***** RECORDS SHOWN

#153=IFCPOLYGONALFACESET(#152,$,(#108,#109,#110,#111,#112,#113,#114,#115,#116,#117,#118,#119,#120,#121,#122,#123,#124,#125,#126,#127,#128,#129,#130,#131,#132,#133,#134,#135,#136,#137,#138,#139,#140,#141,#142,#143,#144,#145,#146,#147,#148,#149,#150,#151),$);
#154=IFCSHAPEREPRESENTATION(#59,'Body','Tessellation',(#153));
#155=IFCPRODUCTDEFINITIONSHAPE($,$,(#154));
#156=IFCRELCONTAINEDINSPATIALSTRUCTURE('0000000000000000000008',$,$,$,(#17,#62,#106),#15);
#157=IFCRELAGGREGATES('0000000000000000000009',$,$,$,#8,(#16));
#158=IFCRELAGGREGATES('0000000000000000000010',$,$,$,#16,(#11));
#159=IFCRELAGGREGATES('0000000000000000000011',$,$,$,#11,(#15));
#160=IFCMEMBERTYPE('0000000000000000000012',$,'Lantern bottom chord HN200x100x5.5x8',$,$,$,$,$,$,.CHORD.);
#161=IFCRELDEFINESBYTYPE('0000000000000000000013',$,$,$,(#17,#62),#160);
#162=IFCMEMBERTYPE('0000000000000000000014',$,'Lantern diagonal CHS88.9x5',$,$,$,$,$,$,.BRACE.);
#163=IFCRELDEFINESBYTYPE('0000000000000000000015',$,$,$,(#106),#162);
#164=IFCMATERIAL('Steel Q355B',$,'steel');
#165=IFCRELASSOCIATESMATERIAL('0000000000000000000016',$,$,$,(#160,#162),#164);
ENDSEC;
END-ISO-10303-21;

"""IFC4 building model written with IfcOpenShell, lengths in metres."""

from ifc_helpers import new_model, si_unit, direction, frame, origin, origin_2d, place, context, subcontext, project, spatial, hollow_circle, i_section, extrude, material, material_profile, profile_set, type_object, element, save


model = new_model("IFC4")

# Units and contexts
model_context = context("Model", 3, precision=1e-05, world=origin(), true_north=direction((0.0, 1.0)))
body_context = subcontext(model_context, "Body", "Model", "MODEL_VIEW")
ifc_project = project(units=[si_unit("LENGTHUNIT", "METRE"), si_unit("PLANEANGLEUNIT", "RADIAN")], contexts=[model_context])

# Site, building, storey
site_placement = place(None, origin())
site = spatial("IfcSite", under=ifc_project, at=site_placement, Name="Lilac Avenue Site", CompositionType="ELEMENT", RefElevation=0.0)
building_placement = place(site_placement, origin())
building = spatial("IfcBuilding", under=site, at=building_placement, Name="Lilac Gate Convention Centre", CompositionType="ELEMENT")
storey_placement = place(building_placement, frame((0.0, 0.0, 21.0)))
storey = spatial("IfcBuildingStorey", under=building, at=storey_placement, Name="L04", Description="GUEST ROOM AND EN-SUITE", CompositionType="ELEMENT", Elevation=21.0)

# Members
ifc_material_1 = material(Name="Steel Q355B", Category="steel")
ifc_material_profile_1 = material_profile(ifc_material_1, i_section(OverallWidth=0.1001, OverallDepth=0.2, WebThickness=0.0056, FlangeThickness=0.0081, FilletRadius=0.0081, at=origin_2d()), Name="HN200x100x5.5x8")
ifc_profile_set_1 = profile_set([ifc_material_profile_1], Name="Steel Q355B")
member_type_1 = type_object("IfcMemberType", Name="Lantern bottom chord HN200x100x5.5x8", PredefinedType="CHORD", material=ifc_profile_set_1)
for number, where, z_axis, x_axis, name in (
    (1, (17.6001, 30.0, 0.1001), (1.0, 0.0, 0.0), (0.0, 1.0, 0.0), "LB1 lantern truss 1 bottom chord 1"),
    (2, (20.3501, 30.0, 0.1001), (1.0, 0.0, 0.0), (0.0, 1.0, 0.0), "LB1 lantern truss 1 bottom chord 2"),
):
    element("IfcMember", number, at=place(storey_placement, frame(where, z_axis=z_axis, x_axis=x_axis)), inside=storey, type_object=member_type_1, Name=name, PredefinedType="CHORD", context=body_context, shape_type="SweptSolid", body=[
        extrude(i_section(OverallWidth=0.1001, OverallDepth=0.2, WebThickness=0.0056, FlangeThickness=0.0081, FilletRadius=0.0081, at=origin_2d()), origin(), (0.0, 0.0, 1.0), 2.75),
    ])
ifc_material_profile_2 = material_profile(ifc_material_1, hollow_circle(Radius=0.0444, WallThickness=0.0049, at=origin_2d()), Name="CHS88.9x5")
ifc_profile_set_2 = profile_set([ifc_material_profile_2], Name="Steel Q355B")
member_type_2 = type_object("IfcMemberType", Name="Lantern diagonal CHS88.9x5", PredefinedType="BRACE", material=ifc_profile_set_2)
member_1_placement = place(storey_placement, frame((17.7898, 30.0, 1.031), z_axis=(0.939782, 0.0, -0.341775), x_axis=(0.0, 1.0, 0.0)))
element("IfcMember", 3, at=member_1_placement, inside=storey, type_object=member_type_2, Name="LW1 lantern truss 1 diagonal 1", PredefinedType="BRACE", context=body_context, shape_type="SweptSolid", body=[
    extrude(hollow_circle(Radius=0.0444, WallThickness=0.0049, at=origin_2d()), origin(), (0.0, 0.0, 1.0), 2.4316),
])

**********
***** RECORDS SHOWN

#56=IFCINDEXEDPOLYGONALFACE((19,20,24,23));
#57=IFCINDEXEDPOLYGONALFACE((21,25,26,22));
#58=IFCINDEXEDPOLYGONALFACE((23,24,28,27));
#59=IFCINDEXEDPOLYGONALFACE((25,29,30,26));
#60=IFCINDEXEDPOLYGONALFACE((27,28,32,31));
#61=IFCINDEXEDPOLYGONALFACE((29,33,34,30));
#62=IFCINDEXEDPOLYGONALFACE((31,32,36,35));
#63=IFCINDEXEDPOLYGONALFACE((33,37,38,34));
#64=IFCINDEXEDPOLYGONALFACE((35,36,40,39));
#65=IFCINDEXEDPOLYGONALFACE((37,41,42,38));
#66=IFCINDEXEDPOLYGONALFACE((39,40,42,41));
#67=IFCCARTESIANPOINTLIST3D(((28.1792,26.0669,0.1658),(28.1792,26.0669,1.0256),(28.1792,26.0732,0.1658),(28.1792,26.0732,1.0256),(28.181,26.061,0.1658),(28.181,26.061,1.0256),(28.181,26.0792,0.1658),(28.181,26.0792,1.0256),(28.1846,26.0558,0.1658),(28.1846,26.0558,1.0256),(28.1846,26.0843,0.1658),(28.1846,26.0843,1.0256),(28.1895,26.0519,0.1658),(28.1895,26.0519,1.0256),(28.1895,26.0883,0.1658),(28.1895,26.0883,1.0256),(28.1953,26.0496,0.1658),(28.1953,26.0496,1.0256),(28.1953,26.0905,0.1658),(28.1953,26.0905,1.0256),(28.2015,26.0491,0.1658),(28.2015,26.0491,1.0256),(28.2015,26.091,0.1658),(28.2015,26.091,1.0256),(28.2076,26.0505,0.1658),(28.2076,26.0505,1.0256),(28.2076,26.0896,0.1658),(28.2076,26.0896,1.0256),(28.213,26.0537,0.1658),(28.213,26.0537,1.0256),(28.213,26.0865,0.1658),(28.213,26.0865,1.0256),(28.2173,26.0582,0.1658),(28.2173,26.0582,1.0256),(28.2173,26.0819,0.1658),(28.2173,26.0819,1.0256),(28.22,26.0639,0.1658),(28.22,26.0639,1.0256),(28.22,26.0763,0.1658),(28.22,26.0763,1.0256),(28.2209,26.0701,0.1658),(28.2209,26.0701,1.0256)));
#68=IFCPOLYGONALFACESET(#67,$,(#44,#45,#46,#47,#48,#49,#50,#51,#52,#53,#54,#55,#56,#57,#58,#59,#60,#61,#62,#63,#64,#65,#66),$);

**********

▶ _WORK REQUIRED_
Within the lines above, find those holding the word "truss" and copy them.

▶ _RESULT BELOW_
    (1, (17.6001, 30.0, 0.1001), (1.0, 0.0, 0.0), (0.0, 1.0, 0.0), "LB1 lantern truss 1 bottom chord 1"),
    (2, (20.3501, 30.0, 0.1001), (1.0, 0.0, 0.0), (0.0, 1.0, 0.0), "LB1 lantern truss 1 bottom chord 2"),
element("IfcMember", 3, at=member_1_placement, inside=storey, type_object=member_type_2, Name="LW1 lantern truss 1 diagonal 1", PredefinedType="BRACE", context=body_context, shape_type="SweptSolid", body=[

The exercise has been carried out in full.